WHAT YOU ARE ASKED TO DO:
The records below are to be retyped in full, without any alteration.

EXTRACTED DATA:
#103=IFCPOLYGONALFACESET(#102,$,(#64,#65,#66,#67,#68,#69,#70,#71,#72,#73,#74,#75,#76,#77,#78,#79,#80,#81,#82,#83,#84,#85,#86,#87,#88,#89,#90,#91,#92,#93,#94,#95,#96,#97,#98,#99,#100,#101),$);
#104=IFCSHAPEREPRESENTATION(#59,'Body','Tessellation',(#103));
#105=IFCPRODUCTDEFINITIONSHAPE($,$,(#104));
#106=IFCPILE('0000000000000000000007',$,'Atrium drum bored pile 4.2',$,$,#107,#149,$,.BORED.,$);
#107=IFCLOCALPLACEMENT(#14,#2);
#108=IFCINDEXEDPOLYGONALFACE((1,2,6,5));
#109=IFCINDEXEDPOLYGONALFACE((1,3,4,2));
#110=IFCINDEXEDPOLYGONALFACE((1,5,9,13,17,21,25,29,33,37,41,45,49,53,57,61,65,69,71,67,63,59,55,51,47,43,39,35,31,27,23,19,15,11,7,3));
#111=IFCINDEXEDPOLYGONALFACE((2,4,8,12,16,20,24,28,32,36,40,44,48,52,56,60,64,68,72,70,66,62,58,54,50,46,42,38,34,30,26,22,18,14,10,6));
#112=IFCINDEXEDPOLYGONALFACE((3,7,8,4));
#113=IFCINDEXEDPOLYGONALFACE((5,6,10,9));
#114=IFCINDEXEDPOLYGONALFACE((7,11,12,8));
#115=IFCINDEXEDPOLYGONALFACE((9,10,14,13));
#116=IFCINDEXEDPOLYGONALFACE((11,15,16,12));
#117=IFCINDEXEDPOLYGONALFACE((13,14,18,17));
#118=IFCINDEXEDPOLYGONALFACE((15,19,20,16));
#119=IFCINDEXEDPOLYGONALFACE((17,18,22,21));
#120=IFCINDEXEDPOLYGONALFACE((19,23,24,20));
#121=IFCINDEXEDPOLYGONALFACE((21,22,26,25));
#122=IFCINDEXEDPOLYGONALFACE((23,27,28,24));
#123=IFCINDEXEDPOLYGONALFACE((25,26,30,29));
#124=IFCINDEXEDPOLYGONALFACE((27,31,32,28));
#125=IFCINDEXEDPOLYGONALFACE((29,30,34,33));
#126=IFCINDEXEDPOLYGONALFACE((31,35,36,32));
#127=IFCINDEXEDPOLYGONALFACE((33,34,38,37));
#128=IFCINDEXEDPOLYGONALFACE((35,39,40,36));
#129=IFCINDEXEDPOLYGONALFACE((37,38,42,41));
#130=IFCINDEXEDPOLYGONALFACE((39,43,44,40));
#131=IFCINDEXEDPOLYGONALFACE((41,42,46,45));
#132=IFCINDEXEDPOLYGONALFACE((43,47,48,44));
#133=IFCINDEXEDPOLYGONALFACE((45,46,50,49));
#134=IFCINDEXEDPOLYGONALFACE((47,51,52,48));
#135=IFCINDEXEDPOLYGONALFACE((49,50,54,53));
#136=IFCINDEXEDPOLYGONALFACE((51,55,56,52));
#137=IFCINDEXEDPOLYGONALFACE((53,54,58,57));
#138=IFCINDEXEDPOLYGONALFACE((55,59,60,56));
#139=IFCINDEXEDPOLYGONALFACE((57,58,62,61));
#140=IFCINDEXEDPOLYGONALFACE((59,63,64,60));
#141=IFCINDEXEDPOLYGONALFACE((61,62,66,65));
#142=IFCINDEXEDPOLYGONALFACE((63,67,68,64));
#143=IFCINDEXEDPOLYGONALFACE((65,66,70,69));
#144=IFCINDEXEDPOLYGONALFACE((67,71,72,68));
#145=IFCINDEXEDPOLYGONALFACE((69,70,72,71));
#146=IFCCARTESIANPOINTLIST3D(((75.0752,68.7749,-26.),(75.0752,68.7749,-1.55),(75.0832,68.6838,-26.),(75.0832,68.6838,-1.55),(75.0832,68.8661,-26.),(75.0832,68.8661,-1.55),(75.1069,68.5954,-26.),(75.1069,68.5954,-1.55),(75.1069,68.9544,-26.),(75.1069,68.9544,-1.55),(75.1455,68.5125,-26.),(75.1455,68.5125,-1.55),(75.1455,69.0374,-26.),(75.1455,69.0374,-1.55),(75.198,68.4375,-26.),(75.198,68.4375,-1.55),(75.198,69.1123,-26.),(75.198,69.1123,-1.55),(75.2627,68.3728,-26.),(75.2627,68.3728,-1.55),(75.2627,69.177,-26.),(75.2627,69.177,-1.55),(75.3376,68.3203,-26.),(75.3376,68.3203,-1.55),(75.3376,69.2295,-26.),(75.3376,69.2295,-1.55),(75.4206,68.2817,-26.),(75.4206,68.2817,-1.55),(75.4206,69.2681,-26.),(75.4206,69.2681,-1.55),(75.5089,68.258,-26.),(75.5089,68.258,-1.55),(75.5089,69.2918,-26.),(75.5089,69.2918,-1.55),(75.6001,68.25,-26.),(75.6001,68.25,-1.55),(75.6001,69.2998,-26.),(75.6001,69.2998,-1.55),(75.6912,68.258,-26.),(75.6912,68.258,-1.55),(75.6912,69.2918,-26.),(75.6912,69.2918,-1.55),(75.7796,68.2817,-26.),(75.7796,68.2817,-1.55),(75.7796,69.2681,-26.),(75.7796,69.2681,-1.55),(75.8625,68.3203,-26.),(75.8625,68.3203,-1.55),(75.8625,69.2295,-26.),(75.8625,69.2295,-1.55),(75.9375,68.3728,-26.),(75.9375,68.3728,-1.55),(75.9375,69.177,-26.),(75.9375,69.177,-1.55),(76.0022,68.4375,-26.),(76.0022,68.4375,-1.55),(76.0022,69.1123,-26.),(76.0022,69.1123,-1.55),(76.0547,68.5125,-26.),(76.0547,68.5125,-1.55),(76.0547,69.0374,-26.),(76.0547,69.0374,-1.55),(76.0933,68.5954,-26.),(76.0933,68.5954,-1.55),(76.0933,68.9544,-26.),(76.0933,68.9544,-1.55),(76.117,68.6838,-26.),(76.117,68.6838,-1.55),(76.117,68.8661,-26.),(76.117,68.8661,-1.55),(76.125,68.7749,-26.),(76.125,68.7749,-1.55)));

RESULT OF THE TASK:
#103=IFCPOLYGONALFACESET(#102,$,(#64,#65,#66,#67,#68,#69,#70,#71,#72,#73,#74,#75,#76,#77,#78,#79,#80,#81,#82,#83,#84,#85,#86,#87,#88,#89,#90,#91,#92,#93,#94,#95,#96,#97,#98,#99,#100,#101),$);
#104=IFCSHAPEREPRESENTATION(#59,'Body','Tessellation',(#103));
#105=IFCPRODUCTDEFINITIONSHAPE($,$,(#104));
#106=IFCPILE('0000000000000000000007',$,'Atrium drum bored pile 4.2',$,$,#107,#149,$,.BORED.,$);
#107=IFCLOCALPLACEMENT(#14,#2);
#108=IFCINDEXEDPOLYGONALFACE((1,2,6,5));
#109=IFCINDEXEDPOLYGONALFACE((1,3,4,2));
#110=IFCINDEXEDPOLYGONALFACE((1,5,9,13,17,21,25,29,33,37,41,45,49,53,57,61,65,69,71,67,63,59,55,51,47,43,39,35,31,27,23,19,15,11,7,3));
#111=IFCINDEXEDPOLYGONALFACE((2,4,8,12,16,20,24,28,32,36,40,44,48,52,56,60,64,68,72,70,66,62,58,54,50,46,42,38,34,30,26,22,18,14,10,6));
#112=IFCINDEXEDPOLYGONALFACE((3,7,8,4));
#113=IFCINDEXEDPOLYGONALFACE((5,6,10,9));
#114=IFCINDEXEDPOLYGONALFACE((7,11,12,8));
#115=IFCINDEXEDPOLYGONALFACE((9,10,14,13));
#116=IFCINDEXEDPOLYGONALFACE((11,15,16,12));
#117=IFCINDEXEDPOLYGONALFACE((13,14,18,17));
#118=IFCINDEXEDPOLYGONALFACE((15,19,20,16));
#119=IFCINDEXEDPOLYGONALFACE((17,18,22,21));
#120=IFCINDEXEDPOLYGONALFACE((19,23,24,20));
#121=IFCINDEXEDPOLYGONALFACE((21,22,26,25));
#122=IFCINDEXEDPOLYGONALFACE((23,27,28,24));
#123=IFCINDEXEDPOLYGONALFACE((25,26,30,29));
#124=IFCINDEXEDPOLYGONALFACE((27,31,32,28));
#125=IFCINDEXEDPOLYGONALFACE((29,30,34,33));
#126=IFCINDEXEDPOLYGONALFACE((31,35,36,32));
#127=IFCINDEXEDPOLYGONALFACE((33,34,38,37));
#128=IFCINDEXEDPOLYGONALFACE((35,39,40,36));
#129=IFCINDEXEDPOLYGONALFACE((37,38,42,41));
#130=IFCINDEXEDPOLYGONALFACE((39,43,44,40));
#131=IFCINDEXEDPOLYGONALFACE((41,42,46,45));
#132=IFCINDEXEDPOLYGONALFACE((43,47,48,44));
#133=IFCINDEXEDPOLYGONALFACE((45,46,50,49));
#134=IFCINDEXEDPOLYGONALFACE((47,51,52,48));
#135=IFCINDEXEDPOLYGONALFACE((49,50,54,53));
#136=IFCINDEXEDPOLYGONALFACE((51,55,56,52));
#137=IFCINDEXEDPOLYGONALFACE((53,54,58,57));
#138=IFCINDEXEDPOLYGONALFACE((55,59,60,56));
#139=IFCINDEXEDPOLYGONALFACE((57,58,62,61));
#140=IFCINDEXEDPOLYGONALFACE((59,63,64,60));
#141=IFCINDEXEDPOLYGONALFACE((61,62,66,65));
#142=IFCINDEXEDPOLYGONALFACE((63,67,68,64));
#143=IFCINDEXEDPOLYGONALFACE((65,66,70,69));
#144=IFCINDEXEDPOLYGONALFACE((67,71,72,68));
#145=IFCINDEXEDPOLYGONALFACE((69,70,72,71));
#146=IFCCARTESIANPOINTLIST3D(((75.0752,68.7749,-26.),(75.0752,68.7749,-1.55),(75.0832,68.6838,-26.),(75.0832,68.6838,-1.55),(75.0832,68.8661,-26.),(75.0832,68.8661,-1.55),(75.1069,68.5954,-26.),(75.1069,68.5954,-1.55),(75.1069,68.9544,-26.),(75.1069,68.9544,-1.55),(75.1455,68.5125,-26.),(75.1455,68.5125,-1.55),(75.1455,69.0374,-26.),(75.1455,69.0374,-1.55),(75.198,68.4375,-26.),(75.198,68.4375,-1.55),(75.198,69.1123,-26.),(75.198,69.1123,-1.55),(75.2627,68.3728,-26.),(75.2627,68.3728,-1.55),(75.2627,69.177,-26.),(75.2627,69.177,-1.55),(75.3376,68.3203,-26.),(75.3376,68.3203,-1.55),(75.3376,69.2295,-26.),(75.3376,69.2295,-1.55),(75.4206,68.2817,-26.),(75.4206,68.2817,-1.55),(75.4206,69.2681,-26.),(75.4206,69.2681,-1.55),(75.5089,68.258,-26.),(75.5089,68.258,-1.55),(75.5089,69.2918,-26.),(75.5089,69.2918,-1.55),(75.6001,68.25,-26.),(75.6001,68.25,-1.55),(75.6001,69.2998,-26.),(75.6001,69.2998,-1.55),(75.6912,68.258,-26.),(75.6912,68.258,-1.55),(75.6912,69.2918,-26.),(75.6912,69.2918,-1.55),(75.7796,68.2817,-26.),(75.7796,68.2817,-1.55),(75.7796,69.2681,-26.),(75.7796,69.2681,-1.55),(75.8625,68.3203,-26.),(75.8625,68.3203,-1.55),(75.8625,69.2295,-26.),(75.8625,69.2295,-1.55),(75.9375,68.3728,-26.),(75.9375,68.3728,-1.55),(75.9375,69.177,-26.),(75.9375,69.177,-1.55),(76.0022,68.4375,-26.),(76.0022,68.4375,-1.55),(76.0022,69.1123,-26.),(76.0022,69.1123,-1.55),(76.0547,68.5125,-26.),(76.0547,68.5125,-1.55),(76.0547,69.0374,-26.),(76.0547,69.0374,-1.55),(76.0933,68.5954,-26.),(76.0933,68.5954,-1.55),(76.0933,68.9544,-26.),(76.0933,68.9544,-1.55),(76.117,68.6838,-26.),(76.117,68.6838,-1.55),(76.117,68.8661,-26.),(76.117,68.8661,-1.55),(76.125,68.7749,-26.),(76.125,68.7749,-1.55)));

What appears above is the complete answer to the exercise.